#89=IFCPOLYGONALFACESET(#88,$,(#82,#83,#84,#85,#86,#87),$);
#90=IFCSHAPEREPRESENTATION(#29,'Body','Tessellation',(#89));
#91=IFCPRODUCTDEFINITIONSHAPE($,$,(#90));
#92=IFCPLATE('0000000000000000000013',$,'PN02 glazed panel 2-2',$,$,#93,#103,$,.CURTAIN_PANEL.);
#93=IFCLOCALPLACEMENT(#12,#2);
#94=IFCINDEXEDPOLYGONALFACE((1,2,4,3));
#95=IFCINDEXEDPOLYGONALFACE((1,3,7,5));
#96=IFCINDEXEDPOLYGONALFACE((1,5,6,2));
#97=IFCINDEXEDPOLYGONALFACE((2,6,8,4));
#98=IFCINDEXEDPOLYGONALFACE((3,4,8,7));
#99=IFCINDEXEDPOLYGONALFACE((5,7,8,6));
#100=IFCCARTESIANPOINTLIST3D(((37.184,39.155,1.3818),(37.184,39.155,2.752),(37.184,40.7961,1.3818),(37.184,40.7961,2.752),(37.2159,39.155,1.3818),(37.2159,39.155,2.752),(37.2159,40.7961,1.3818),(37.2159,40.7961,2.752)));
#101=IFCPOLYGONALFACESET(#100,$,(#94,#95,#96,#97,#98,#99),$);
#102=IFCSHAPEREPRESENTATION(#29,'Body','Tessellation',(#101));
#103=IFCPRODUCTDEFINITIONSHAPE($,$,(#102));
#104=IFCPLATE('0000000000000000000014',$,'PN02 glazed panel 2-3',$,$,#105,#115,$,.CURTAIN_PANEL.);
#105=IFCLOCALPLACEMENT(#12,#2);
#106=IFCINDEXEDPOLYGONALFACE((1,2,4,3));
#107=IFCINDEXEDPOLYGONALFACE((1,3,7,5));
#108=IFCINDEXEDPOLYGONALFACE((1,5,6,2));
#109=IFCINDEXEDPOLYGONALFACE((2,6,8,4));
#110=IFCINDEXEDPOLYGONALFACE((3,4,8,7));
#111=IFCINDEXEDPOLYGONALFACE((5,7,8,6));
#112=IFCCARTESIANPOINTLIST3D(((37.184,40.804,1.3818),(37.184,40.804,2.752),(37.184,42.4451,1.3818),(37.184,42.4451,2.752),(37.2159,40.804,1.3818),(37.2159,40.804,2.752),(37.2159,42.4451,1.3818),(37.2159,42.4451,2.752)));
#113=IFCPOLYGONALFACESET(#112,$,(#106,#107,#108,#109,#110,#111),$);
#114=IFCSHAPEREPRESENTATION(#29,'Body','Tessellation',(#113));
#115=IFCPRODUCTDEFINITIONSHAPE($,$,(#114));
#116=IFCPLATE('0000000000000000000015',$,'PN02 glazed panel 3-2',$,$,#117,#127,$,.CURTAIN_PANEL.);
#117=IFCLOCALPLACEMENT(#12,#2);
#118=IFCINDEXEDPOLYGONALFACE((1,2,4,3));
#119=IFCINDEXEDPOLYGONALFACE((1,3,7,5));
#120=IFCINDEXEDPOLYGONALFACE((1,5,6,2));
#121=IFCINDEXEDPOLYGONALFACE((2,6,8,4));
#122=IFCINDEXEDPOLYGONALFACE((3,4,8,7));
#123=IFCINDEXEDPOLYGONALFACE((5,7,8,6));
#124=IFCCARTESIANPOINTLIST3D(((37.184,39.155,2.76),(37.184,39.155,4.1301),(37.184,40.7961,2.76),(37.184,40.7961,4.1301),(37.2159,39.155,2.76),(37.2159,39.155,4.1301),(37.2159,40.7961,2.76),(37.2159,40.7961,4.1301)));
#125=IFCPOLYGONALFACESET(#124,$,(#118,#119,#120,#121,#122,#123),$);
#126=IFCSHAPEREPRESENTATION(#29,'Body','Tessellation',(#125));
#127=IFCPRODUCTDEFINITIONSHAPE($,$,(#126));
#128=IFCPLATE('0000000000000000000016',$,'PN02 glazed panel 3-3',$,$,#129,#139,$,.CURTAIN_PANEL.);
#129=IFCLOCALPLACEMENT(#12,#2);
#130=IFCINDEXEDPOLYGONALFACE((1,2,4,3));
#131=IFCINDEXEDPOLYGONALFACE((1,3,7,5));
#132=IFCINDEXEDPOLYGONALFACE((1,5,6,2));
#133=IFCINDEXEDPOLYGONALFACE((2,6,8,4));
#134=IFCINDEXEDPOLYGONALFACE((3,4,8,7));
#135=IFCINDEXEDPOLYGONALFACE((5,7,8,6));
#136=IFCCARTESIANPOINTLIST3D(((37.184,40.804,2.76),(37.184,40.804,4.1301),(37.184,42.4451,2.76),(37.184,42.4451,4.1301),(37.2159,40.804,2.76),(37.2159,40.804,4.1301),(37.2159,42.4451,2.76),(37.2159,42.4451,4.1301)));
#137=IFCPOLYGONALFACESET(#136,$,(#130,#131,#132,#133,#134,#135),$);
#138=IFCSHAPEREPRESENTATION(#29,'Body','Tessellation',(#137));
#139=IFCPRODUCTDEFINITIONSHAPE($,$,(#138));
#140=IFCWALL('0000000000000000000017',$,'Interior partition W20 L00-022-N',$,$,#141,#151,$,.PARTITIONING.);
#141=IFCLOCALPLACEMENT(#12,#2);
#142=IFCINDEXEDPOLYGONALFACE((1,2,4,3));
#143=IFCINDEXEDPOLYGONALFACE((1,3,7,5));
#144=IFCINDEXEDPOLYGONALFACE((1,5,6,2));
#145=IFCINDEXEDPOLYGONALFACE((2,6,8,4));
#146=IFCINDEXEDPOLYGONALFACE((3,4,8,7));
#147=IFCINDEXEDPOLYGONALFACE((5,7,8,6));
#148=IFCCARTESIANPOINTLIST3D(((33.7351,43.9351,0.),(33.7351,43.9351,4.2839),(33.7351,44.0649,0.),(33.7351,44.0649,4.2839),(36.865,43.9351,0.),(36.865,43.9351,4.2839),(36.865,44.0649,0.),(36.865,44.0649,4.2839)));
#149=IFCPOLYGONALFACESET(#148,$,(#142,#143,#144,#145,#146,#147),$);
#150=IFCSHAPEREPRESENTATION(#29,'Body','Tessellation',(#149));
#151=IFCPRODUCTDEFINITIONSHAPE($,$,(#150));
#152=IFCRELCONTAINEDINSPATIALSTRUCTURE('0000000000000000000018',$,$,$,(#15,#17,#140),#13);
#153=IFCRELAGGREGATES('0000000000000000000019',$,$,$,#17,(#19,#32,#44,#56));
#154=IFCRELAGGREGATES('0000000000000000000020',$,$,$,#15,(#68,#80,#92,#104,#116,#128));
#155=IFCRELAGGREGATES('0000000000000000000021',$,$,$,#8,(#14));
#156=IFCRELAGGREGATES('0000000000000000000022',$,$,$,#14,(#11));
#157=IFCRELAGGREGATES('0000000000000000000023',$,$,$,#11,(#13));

· · ·

* DIRECTIONS FOR THIS TASK
Give again, word for word, every line of the listing above from the one with "#115=IFCPRODUCTDEFINITIONSHAPE($,$,(#114));" to the one with "#123=IFCINDEXEDPOLYGONALFACE((5,7,8,6));", both inclusive, and nothing beyond them.

* SOLUTION TO THIS PROBLEM
#115=IFCPRODUCTDEFINITIONSHAPE($,$,(#114));
#116=IFCPLATE('0000000000000000000015',$,'PN02 glazed panel 3-2',$,$,#117,#127,$,.CURTAIN_PANEL.);
#117=IFCLOCALPLACEMENT(#12,#2);
#118=IFCINDEXEDPOLYGONALFACE((1,2,4,3));
#119=IFCINDEXEDPOLYGONALFACE((1,3,7,5));
#120=IFCINDEXEDPOLYGONALFACE((1,5,6,2));
#121=IFCINDEXEDPOLYGONALFACE((2,6,8,4));
#122=IFCINDEXEDPOLYGONALFACE((3,4,8,7));
#123=IFCINDEXEDPOLYGONALFACE((5,7,8,6));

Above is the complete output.